▶ _Aim of the task_
Restate verbatim the span of lines below between the line with "building model written" and the line with "frame((0.0, 0.0, 159.1001)))", including those two lines, and only that span.

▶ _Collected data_
====================
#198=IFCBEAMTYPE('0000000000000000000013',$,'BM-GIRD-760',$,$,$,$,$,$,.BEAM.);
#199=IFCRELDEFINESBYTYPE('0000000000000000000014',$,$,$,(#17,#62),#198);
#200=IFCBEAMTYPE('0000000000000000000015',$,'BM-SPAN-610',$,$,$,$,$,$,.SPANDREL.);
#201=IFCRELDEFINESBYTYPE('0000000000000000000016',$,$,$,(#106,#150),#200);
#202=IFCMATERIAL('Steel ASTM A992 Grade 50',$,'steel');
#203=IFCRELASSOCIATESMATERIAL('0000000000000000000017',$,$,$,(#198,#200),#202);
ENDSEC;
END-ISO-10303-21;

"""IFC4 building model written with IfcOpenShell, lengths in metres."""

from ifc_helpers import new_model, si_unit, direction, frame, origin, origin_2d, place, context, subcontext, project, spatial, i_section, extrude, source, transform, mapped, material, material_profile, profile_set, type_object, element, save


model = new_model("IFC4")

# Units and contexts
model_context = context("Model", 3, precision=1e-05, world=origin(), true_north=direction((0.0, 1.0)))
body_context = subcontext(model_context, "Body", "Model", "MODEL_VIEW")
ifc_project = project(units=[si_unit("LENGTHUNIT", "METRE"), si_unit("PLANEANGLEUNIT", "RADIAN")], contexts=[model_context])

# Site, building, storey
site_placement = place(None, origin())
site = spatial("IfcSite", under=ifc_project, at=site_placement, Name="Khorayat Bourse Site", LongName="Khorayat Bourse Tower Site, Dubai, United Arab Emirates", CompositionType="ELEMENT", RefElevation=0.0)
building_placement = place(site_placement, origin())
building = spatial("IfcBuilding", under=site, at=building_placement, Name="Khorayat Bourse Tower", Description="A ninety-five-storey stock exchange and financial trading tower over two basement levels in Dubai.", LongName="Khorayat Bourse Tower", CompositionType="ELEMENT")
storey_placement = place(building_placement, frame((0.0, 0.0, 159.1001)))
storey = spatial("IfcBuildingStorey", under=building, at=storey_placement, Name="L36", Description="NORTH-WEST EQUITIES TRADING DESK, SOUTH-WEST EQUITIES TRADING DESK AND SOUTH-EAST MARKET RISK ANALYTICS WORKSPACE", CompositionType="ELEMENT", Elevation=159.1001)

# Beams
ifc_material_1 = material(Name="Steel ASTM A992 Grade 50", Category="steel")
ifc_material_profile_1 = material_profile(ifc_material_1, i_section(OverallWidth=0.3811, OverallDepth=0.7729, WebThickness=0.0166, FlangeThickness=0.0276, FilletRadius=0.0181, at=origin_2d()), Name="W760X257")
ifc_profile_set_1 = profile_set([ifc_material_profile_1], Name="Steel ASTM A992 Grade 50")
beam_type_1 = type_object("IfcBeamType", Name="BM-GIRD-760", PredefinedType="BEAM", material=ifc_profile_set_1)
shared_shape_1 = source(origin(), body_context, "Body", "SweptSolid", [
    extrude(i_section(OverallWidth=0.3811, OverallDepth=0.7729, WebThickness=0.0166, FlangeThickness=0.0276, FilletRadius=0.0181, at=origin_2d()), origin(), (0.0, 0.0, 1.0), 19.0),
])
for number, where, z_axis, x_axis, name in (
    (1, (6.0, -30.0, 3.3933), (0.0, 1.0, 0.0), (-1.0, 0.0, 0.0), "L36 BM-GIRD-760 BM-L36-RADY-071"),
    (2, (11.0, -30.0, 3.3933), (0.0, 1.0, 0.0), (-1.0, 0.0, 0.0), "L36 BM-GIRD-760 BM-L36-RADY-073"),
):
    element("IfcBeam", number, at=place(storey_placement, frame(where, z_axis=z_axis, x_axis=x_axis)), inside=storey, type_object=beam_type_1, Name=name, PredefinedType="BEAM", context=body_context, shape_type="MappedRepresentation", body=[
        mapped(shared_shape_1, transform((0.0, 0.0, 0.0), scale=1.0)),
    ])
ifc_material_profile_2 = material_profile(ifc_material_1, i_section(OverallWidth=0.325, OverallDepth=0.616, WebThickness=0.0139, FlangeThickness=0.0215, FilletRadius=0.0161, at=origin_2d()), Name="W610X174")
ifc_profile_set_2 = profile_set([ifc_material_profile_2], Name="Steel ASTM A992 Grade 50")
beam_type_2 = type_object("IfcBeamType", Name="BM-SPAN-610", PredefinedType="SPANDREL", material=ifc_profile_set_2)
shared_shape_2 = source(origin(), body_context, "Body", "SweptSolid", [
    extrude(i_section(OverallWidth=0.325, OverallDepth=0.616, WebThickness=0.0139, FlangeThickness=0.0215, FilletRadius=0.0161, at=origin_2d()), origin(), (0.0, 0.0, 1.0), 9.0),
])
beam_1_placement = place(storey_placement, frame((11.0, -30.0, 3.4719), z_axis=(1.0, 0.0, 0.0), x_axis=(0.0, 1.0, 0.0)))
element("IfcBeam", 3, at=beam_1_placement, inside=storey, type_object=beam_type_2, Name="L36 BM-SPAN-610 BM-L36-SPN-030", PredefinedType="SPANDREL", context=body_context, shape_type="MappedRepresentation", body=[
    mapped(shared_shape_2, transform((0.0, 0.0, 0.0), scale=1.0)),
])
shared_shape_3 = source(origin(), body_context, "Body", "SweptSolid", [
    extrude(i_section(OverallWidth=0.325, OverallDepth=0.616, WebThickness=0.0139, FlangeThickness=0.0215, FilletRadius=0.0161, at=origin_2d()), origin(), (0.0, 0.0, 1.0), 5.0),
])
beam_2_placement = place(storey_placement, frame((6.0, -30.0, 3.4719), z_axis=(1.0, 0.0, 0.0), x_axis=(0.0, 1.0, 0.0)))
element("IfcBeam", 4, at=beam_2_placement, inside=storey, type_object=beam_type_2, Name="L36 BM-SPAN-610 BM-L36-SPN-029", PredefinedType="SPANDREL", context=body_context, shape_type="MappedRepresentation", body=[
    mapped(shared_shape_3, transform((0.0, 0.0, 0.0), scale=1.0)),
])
====================
▶ _Exercise answer_
"""IFC4 building model written with IfcOpenShell, lengths in metres."""

from ifc_helpers import new_model, si_unit, direction, frame, origin, origin_2d, place, context, subcontext, project, spatial, i_section, extrude, source, transform, mapped, material, material_profile, profile_set, type_object, element, save


model = new_model("IFC4")

# Units and contexts
model_context = context("Model", 3, precision=1e-05, world=origin(), true_north=direction((0.0, 1.0)))
body_context = subcontext(model_context, "Body", "Model", "MODEL_VIEW")
ifc_project = project(units=[si_unit("LENGTHUNIT", "METRE"), si_unit("PLANEANGLEUNIT", "RADIAN")], contexts=[model_context])

# Site, building, storey
site_placement = place(None, origin())
site = spatial("IfcSite", under=ifc_project, at=site_placement, Name="Khorayat Bourse Site", LongName="Khorayat Bourse Tower Site, Dubai, United Arab Emirates", CompositionType="ELEMENT", RefElevation=0.0)
building_placement = place(site_placement, origin())
building = spatial("IfcBuilding", under=site, at=building_placement, Name="Khorayat Bourse Tower", Description="A ninety-five-storey stock exchange and financial trading tower over two basement levels in Dubai.", LongName="Khorayat Bourse Tower", CompositionType="ELEMENT")
storey_placement = place(building_placement, frame((0.0, 0.0, 159.1001)))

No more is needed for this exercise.